* _Collected data_:
----------------------------------------

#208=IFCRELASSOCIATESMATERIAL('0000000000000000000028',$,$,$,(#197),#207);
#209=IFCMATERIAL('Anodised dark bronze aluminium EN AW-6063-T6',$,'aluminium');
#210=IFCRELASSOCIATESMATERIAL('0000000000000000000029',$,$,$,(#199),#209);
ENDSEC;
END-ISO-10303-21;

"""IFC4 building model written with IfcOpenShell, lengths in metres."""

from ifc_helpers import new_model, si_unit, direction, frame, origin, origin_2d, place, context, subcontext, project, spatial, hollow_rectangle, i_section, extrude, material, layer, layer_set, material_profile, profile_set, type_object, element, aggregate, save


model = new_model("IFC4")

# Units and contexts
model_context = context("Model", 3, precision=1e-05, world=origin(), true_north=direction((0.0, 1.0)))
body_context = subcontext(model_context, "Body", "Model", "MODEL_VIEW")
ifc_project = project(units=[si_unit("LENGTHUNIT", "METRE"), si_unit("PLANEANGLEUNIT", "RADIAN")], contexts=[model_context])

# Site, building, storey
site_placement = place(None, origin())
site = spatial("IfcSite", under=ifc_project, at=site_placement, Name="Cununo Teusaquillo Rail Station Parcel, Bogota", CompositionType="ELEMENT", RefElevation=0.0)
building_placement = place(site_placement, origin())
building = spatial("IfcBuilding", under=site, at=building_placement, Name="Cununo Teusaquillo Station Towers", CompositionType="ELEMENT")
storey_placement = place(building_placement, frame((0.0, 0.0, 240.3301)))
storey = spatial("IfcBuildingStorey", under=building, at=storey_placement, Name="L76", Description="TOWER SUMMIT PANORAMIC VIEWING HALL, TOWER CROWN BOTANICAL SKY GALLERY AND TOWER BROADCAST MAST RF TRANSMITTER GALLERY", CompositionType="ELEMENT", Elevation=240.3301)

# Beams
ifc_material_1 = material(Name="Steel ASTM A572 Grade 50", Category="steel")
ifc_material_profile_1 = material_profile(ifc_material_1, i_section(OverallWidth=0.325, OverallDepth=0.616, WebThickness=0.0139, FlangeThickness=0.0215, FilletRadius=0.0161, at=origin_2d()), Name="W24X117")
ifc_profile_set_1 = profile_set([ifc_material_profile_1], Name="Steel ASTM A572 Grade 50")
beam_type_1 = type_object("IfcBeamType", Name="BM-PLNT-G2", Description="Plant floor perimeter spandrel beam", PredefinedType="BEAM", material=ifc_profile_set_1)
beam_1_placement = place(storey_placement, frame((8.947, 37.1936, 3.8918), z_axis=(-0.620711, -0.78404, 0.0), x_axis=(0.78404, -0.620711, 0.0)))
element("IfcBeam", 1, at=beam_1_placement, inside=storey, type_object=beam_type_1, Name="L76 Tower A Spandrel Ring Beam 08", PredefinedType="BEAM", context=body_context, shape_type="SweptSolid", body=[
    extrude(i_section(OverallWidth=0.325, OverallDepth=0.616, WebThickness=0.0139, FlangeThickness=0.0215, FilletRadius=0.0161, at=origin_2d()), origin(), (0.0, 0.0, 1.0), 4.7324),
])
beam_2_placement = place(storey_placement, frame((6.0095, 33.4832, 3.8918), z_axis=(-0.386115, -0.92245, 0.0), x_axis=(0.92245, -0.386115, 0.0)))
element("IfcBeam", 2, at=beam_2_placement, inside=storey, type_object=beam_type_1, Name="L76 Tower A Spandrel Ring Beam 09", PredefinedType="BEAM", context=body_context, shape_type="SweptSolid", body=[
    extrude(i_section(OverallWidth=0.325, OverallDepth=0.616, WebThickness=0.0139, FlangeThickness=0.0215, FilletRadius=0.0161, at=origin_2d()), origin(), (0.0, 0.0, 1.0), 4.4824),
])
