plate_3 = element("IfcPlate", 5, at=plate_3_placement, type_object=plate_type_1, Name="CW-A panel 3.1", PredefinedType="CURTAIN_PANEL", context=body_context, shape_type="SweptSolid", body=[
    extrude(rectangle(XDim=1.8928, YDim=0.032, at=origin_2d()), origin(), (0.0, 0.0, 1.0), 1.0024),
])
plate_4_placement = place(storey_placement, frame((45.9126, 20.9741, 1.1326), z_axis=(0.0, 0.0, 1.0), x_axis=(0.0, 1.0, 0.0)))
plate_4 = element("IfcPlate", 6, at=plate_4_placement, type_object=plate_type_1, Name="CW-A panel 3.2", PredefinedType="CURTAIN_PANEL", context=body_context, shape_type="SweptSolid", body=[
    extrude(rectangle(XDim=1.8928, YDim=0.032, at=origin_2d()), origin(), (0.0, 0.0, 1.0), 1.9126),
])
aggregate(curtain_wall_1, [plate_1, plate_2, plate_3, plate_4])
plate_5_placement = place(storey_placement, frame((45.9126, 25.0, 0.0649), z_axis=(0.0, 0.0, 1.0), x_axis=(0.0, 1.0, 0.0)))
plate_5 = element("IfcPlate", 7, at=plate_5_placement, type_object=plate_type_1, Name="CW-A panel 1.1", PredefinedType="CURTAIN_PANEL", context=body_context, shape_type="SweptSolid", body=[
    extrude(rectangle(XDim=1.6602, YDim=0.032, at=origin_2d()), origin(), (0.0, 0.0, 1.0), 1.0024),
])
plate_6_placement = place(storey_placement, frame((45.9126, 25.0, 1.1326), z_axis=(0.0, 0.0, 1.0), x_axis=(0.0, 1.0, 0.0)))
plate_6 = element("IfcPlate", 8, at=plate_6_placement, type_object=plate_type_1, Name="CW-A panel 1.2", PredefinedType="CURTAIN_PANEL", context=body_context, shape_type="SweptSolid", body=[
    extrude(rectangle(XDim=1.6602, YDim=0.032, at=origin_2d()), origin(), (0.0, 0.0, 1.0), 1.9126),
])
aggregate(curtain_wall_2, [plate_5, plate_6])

----------------------------------------

Pull out all lines from the entries above that include the word "ASTM".

ifc_material_1 = material(Name="Steel ASTM A572 Grade 50", Category="steel")
ifc_profile_set_1 = profile_set([ifc_material_profile_1], Name="Steel ASTM A572 Grade 50")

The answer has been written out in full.